* [ASSIGNMENT]:
Among the records below, find the line that has "#90=IFCINDEXEDPOLYGONALFACE((18,60,63,21));"; from there, give the lines again exactly, and stop after the line that has "#104=IFCINDEXEDPOLYGONALFACE((32,74,78,36));".

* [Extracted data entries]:
■ ■ ■

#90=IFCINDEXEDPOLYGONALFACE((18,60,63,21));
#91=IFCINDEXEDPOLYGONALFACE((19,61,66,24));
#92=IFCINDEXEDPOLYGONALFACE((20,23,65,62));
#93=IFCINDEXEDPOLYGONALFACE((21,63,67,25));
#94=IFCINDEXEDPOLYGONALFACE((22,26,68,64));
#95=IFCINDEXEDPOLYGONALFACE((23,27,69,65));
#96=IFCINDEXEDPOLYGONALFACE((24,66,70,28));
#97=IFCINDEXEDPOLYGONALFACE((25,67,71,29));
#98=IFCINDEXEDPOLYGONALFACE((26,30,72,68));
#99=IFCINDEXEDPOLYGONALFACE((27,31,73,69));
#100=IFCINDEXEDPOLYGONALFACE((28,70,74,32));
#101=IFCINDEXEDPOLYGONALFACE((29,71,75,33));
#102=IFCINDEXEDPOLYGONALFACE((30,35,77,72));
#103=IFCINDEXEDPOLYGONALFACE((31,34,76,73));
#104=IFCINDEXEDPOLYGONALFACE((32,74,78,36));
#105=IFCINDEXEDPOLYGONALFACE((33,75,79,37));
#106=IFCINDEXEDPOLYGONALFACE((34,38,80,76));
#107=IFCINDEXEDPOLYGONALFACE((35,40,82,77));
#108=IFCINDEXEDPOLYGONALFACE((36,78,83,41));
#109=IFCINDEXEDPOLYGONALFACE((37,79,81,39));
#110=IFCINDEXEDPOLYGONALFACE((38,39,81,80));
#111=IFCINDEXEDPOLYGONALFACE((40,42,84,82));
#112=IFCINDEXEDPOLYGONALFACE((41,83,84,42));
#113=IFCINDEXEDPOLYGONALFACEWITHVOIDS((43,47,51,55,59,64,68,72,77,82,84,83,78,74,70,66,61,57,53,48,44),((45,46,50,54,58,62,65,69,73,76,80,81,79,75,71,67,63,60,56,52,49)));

■ ■ ■

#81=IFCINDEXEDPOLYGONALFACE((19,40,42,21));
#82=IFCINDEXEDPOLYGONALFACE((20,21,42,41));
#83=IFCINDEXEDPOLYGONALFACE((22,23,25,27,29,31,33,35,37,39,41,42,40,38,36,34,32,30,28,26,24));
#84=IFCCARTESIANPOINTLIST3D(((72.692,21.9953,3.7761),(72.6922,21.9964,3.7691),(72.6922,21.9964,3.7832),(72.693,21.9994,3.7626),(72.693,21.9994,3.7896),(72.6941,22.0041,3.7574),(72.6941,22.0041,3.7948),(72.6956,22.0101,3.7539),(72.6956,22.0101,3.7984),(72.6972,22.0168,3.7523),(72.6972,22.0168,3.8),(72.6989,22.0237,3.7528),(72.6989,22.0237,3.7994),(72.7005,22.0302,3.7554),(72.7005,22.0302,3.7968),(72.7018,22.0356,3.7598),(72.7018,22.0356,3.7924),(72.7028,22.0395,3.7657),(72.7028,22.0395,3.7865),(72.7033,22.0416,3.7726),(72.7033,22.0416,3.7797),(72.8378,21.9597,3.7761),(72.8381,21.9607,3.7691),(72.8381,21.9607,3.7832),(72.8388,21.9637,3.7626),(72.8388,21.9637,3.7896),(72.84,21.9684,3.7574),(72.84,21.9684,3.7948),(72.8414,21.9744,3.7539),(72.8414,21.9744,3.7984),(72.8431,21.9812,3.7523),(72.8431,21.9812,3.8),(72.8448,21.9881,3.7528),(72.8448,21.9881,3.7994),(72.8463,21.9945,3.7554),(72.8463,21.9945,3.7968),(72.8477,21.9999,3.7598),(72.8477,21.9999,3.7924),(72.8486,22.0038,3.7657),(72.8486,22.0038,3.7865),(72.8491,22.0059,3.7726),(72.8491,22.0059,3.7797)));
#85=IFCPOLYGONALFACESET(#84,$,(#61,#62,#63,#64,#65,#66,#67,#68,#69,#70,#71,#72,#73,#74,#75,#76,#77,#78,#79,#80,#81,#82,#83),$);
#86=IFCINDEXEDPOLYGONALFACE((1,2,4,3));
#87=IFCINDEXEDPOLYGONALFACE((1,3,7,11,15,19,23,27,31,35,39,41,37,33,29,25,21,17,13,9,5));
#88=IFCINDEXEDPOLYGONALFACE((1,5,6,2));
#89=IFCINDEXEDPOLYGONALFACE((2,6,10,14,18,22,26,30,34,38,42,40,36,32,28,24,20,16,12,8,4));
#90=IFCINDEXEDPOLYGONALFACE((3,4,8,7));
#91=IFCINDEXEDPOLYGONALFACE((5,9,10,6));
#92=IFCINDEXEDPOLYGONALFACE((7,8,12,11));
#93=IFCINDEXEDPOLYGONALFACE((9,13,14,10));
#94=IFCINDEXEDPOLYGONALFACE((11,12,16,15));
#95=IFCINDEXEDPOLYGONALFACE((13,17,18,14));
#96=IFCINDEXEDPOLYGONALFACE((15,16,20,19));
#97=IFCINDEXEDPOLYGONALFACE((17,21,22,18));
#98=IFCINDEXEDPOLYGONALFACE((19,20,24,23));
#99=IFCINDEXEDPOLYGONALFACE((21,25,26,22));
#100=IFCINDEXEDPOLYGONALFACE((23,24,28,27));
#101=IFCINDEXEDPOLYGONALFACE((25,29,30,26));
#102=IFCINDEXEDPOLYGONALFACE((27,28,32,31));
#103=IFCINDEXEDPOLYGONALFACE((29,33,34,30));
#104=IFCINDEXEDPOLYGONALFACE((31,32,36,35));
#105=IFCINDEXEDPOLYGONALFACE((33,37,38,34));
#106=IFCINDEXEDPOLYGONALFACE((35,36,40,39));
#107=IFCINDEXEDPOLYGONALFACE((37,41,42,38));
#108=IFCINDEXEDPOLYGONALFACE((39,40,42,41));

■ ■ ■

* [SOLUTION TO THIS TASK]:
#90=IFCINDEXEDPOLYGONALFACE((18,60,63,21));
#91=IFCINDEXEDPOLYGONALFACE((19,61,66,24));
#92=IFCINDEXEDPOLYGONALFACE((20,23,65,62));
#93=IFCINDEXEDPOLYGONALFACE((21,63,67,25));
#94=IFCINDEXEDPOLYGONALFACE((22,26,68,64));
#95=IFCINDEXEDPOLYGONALFACE((23,27,69,65));
#96=IFCINDEXEDPOLYGONALFACE((24,66,70,28));
#97=IFCINDEXEDPOLYGONALFACE((25,67,71,29));
#98=IFCINDEXEDPOLYGONALFACE((26,30,72,68));
#99=IFCINDEXEDPOLYGONALFACE((27,31,73,69));
#100=IFCINDEXEDPOLYGONALFACE((28,70,74,32));
#101=IFCINDEXEDPOLYGONALFACE((29,71,75,33));
#102=IFCINDEXEDPOLYGONALFACE((30,35,77,72));
#103=IFCINDEXEDPOLYGONALFACE((31,34,76,73));
#104=IFCINDEXEDPOLYGONALFACE((32,74,78,36));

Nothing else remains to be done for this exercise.